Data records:

※

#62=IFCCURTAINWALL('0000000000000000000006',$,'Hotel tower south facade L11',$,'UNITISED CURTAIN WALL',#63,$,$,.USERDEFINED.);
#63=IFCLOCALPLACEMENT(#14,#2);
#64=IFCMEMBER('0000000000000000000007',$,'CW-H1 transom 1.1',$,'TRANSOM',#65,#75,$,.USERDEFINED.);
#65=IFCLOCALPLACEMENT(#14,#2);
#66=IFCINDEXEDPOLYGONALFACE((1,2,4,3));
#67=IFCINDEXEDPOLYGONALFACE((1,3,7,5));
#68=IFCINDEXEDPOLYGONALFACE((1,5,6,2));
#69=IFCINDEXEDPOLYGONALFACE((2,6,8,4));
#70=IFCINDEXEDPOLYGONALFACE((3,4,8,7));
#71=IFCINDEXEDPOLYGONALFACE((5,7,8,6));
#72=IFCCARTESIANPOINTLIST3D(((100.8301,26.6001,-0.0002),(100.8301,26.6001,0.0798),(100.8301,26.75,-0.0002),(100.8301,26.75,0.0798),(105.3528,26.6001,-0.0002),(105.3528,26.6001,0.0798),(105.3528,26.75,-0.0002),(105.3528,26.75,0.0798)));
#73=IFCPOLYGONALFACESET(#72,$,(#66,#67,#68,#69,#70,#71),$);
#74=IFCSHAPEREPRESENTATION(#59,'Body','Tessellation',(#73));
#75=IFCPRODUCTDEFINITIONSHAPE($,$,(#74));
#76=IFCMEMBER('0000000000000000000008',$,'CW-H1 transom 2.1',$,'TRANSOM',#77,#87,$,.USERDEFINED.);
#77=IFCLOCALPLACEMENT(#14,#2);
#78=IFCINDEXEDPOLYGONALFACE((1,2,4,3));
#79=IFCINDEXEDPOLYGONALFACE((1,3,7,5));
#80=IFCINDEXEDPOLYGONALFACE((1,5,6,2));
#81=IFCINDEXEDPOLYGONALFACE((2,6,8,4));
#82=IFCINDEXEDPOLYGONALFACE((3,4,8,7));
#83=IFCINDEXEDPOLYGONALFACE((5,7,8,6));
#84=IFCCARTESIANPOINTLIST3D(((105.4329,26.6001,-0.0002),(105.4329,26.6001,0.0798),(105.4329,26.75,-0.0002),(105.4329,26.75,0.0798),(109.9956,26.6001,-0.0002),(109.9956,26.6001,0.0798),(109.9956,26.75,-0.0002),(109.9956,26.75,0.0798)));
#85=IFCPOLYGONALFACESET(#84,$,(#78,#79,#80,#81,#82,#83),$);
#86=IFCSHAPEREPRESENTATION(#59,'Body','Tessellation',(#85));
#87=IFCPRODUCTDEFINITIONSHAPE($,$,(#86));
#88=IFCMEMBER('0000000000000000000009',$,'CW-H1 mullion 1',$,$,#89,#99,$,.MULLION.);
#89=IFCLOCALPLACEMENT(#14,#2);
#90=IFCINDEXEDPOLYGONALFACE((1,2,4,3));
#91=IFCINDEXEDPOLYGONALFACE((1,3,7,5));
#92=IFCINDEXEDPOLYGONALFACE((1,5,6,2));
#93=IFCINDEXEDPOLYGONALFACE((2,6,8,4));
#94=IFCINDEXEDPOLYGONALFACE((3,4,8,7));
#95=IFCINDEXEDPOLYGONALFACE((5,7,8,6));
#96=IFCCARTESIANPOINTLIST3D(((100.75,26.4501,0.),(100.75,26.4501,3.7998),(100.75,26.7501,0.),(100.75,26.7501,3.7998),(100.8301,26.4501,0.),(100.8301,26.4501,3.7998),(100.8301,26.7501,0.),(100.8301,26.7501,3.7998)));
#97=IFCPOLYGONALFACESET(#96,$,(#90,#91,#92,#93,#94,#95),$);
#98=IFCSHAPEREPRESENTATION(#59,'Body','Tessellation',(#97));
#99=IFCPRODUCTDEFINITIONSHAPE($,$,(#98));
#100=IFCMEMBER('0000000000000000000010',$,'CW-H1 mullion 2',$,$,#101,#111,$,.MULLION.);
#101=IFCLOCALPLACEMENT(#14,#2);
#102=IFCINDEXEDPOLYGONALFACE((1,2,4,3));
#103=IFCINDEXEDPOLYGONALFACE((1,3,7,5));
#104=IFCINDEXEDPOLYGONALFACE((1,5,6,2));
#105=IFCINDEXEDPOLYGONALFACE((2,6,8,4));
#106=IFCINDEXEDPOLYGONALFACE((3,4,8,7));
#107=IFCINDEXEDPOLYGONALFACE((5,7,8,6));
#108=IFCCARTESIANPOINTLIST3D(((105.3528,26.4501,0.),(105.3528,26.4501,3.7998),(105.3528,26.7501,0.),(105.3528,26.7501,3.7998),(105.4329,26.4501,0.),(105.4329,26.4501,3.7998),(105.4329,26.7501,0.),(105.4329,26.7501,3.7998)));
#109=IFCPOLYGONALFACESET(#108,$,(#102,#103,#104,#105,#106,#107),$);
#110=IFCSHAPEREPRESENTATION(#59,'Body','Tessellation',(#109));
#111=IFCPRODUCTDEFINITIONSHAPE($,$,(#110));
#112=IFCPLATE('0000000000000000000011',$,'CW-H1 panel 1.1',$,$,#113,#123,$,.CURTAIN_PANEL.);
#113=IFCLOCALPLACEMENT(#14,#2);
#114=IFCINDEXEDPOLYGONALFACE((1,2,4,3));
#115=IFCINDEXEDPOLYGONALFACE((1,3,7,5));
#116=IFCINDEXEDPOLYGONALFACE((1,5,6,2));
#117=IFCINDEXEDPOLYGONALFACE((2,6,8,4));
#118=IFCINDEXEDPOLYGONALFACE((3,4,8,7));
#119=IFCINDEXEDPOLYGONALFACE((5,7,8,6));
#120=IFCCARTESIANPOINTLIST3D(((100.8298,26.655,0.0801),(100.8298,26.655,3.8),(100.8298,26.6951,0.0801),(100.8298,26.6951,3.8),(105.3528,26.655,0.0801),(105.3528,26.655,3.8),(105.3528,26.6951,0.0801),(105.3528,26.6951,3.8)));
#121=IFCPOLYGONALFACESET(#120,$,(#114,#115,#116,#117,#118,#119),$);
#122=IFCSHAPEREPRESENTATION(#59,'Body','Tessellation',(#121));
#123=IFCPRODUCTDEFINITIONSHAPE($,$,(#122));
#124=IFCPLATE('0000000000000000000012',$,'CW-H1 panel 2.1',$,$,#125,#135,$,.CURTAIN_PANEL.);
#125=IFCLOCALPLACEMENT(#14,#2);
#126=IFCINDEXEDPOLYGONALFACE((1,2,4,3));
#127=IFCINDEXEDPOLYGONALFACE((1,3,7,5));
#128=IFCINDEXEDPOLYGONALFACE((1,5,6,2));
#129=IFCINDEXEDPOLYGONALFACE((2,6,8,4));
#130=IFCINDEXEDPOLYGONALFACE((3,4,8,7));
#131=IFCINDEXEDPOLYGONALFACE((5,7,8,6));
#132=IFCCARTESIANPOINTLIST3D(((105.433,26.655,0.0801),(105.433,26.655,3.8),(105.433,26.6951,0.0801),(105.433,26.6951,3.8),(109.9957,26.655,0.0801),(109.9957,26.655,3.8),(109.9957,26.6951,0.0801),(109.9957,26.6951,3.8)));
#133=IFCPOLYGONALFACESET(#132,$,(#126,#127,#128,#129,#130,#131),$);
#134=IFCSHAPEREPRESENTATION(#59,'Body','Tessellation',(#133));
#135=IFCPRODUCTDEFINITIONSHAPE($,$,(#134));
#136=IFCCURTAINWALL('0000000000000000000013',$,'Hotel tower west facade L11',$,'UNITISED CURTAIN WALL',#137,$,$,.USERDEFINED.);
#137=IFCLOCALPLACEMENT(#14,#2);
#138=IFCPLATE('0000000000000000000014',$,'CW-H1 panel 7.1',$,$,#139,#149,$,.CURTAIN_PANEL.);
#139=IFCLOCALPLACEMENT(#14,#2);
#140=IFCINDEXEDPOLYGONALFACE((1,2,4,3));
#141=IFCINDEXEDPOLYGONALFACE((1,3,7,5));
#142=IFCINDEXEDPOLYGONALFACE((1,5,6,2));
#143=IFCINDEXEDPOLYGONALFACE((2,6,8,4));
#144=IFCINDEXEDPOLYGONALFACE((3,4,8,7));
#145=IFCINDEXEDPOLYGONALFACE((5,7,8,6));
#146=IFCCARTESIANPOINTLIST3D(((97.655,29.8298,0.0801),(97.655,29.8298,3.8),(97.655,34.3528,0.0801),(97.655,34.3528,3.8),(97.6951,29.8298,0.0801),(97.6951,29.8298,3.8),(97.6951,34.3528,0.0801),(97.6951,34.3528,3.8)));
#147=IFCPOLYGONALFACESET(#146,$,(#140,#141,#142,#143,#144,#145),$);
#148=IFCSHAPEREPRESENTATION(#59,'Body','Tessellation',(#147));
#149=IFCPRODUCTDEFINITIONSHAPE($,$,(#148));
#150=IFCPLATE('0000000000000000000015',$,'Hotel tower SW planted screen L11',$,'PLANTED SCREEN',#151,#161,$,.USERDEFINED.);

※

### [INSTRUCTIONS TO FOLLOW]
Output the lines above exactly, but only those between the line holding "#123=IFCPRODUCTDEFINITIONSHAPE($,$,(#122));" and the line holding "#126=IFCINDEXEDPOLYGONALFACE((1,2,4,3));", inclusive.

### [THE ANSWER]
#123=IFCPRODUCTDEFINITIONSHAPE($,$,(#122));
#124=IFCPLATE('0000000000000000000012',$,'CW-H1 panel 2.1',$,$,#125,#135,$,.CURTAIN_PANEL.);
#125=IFCLOCALPLACEMENT(#14,#2);
#126=IFCINDEXEDPOLYGONALFACE((1,2,4,3));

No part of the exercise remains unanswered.